> _Instructions for the task_
Pick out every line in the data below that holds "Name".

Exercise material Block Start

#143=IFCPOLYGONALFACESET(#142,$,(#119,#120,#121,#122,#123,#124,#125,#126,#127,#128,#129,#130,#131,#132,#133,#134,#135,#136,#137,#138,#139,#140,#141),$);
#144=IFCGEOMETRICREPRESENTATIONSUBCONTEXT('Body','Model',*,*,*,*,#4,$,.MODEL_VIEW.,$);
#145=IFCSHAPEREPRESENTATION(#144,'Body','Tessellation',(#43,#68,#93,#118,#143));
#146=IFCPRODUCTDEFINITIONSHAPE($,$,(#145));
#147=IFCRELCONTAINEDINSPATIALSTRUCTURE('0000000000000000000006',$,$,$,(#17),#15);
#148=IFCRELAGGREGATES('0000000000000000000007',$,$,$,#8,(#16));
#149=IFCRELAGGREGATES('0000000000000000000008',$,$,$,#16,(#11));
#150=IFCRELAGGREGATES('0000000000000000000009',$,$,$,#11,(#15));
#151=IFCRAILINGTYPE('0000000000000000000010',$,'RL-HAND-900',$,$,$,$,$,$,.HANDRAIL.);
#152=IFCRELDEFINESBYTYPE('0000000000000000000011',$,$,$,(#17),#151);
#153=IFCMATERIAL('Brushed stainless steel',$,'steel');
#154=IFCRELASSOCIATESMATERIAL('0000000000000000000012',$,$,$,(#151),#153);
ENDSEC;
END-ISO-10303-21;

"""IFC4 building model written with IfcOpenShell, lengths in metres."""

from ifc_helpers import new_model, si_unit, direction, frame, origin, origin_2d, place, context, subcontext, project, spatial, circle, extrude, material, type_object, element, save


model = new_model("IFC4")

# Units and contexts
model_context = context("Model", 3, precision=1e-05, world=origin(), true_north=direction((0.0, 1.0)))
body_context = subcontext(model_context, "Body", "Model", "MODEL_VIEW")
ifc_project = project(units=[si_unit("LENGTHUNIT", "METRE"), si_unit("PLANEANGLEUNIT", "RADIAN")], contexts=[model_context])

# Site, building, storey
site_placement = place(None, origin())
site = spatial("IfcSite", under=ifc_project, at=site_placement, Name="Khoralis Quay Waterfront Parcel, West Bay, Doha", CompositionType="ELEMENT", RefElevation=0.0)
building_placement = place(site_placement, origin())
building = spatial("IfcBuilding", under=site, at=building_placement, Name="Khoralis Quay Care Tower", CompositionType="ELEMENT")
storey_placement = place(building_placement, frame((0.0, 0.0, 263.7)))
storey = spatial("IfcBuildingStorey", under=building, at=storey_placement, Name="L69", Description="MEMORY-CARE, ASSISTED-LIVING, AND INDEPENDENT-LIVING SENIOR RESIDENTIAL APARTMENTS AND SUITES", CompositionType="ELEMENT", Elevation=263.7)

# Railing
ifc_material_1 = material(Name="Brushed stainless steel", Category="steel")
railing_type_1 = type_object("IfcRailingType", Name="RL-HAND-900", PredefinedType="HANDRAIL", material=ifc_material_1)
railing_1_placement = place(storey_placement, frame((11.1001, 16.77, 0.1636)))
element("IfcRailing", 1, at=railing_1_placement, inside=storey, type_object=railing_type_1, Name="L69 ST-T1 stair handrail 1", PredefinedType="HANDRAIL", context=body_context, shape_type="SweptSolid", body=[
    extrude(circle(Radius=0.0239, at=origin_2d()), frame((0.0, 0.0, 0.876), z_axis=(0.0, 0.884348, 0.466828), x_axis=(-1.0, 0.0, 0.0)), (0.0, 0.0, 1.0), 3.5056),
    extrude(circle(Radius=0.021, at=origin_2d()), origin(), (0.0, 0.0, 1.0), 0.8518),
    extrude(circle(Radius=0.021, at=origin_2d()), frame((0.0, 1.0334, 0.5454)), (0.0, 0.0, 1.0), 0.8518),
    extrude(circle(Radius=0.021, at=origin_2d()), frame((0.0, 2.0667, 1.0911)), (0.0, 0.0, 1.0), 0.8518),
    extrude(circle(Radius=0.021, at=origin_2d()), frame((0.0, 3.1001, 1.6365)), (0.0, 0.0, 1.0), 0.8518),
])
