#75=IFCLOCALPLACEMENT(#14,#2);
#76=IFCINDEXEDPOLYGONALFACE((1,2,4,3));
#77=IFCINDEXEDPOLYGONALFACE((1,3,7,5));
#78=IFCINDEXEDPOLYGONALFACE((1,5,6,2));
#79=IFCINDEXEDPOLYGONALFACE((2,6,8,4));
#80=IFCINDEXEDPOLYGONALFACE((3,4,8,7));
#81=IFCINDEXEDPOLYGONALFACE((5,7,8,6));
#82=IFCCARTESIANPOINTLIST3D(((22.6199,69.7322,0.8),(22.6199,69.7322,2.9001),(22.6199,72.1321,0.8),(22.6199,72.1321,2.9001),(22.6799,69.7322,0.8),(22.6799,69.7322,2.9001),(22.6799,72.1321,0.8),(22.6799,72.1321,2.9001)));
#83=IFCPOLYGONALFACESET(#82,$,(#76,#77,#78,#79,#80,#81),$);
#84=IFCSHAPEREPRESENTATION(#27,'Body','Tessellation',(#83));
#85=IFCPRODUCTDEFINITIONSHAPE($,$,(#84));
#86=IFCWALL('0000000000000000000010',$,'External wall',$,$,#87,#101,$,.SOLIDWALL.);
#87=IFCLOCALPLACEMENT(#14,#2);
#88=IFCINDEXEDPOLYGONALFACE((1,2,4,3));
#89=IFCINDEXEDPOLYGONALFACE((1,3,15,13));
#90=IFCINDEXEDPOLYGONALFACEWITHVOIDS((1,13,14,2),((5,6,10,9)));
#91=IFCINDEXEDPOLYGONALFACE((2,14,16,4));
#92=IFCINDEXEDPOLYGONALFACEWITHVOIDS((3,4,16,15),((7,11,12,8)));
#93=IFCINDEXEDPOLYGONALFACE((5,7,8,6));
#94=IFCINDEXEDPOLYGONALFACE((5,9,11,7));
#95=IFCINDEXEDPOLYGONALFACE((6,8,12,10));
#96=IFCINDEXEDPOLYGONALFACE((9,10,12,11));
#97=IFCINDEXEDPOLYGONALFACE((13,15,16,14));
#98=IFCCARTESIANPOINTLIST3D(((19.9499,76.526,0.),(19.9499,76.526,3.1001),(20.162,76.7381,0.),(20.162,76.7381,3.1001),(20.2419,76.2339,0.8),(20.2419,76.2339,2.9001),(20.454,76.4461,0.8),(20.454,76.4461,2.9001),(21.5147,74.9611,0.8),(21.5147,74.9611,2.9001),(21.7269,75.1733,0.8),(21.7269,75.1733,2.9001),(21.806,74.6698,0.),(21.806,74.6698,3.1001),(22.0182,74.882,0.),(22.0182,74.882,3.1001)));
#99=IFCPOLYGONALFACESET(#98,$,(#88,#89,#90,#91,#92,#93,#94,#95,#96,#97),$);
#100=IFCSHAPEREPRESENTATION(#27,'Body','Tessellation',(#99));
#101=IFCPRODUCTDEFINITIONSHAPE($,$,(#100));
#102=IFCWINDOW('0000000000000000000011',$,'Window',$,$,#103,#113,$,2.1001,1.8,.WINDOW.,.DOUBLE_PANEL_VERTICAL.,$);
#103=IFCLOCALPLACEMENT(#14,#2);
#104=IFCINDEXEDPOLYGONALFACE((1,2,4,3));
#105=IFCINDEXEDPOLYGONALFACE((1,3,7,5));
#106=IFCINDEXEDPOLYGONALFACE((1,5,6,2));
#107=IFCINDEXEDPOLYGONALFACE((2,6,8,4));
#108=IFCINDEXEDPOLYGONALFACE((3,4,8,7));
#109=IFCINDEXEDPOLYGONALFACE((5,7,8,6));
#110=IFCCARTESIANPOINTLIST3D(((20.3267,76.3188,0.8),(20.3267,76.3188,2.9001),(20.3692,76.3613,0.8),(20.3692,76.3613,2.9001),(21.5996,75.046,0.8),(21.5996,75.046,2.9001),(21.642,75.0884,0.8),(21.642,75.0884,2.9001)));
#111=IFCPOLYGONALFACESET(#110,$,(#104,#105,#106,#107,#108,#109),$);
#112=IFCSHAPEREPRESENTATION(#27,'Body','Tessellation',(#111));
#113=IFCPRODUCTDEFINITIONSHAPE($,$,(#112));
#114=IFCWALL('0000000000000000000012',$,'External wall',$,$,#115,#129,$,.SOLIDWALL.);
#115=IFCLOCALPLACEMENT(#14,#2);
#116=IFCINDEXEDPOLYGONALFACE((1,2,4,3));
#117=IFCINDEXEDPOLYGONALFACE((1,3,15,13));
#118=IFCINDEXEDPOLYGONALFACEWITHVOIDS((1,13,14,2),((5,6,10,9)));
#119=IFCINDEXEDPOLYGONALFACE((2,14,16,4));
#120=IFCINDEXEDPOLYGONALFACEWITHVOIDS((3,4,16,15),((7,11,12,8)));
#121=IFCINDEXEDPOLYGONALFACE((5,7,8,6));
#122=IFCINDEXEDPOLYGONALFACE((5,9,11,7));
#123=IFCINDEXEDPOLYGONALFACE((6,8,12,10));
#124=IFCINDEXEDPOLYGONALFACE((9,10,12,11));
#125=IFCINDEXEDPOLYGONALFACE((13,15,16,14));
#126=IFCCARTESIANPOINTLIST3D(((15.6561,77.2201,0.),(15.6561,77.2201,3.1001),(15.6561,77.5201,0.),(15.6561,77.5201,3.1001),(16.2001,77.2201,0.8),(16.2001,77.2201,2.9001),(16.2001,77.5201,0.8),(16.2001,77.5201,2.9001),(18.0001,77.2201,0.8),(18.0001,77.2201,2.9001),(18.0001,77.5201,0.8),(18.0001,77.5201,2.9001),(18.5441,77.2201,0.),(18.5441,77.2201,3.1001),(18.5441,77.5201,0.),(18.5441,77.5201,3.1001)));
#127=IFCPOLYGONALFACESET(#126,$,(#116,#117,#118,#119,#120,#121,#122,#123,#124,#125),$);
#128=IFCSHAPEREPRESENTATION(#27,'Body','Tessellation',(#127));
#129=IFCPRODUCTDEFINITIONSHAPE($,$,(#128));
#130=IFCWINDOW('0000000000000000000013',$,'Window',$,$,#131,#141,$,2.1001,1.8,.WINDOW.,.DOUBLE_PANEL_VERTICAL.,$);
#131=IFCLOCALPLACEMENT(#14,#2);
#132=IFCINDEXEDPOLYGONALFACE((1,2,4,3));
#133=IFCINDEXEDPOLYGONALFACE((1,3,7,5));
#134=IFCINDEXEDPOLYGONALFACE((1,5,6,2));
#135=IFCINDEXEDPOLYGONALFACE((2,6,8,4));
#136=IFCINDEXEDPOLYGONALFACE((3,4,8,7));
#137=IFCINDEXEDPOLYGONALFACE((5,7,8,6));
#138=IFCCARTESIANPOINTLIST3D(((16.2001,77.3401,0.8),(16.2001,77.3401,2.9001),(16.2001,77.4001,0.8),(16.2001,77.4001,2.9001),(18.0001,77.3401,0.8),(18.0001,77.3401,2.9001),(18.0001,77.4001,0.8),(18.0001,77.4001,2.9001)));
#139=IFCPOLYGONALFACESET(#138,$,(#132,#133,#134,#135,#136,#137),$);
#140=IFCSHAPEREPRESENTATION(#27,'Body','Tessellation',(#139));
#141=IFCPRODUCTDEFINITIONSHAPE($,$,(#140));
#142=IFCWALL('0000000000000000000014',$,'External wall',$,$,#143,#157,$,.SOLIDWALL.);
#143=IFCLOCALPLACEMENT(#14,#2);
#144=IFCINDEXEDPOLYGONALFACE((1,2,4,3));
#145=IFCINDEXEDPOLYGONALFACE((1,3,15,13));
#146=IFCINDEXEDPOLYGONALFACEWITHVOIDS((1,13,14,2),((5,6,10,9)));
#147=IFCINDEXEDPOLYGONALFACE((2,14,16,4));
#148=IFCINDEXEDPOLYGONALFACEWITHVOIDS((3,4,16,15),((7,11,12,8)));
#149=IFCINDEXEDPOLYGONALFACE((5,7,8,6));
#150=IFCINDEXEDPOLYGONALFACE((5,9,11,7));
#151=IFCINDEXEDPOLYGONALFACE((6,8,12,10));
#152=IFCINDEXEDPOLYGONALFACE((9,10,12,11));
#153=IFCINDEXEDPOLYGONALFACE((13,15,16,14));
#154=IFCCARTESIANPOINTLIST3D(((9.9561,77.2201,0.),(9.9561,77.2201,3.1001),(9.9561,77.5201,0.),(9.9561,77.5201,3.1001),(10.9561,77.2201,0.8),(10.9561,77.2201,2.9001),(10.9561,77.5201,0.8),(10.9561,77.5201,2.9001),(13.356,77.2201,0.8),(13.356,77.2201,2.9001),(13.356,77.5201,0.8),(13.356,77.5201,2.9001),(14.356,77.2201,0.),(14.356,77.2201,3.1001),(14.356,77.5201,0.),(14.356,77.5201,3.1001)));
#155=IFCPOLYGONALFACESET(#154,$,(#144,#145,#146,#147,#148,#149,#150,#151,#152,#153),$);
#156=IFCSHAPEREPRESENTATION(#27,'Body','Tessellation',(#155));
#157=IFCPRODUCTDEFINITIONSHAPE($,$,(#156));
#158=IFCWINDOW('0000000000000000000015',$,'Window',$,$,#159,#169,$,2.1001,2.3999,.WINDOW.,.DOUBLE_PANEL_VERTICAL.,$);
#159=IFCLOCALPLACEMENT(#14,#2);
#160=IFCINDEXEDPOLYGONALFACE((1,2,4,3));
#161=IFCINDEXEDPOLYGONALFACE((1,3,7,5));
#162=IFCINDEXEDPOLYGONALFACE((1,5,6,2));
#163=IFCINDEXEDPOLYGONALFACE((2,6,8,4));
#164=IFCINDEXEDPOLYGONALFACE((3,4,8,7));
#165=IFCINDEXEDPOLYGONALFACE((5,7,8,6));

Exercise material Block End

> _Answer section_
site = spatial("IfcSite", under=ifc_project, at=site_placement, Name="Khoralis Quay Waterfront Parcel, West Bay, Doha", CompositionType="ELEMENT", RefElevation=0.0)
building = spatial("IfcBuilding", under=site, at=building_placement, Name="Khoralis Quay Care Tower", CompositionType="ELEMENT")
storey = spatial("IfcBuildingStorey", under=building, at=storey_placement, Name="L69", Description="MEMORY-CARE, ASSISTED-LIVING, AND INDEPENDENT-LIVING SENIOR RESIDENTIAL APARTMENTS AND SUITES", CompositionType="ELEMENT", Elevation=263.7)
ifc_material_1 = material(Name="Brushed stainless steel", Category="steel")
railing_type_1 = type_object("IfcRailingType", Name="RL-HAND-900", PredefinedType="HANDRAIL", material=ifc_material_1)
element("IfcRailing", 1, at=railing_1_placement, inside=storey, type_object=railing_type_1, Name="L69 ST-T1 stair handrail 1", PredefinedType="HANDRAIL", context=body_context, shape_type="SweptSolid", body=[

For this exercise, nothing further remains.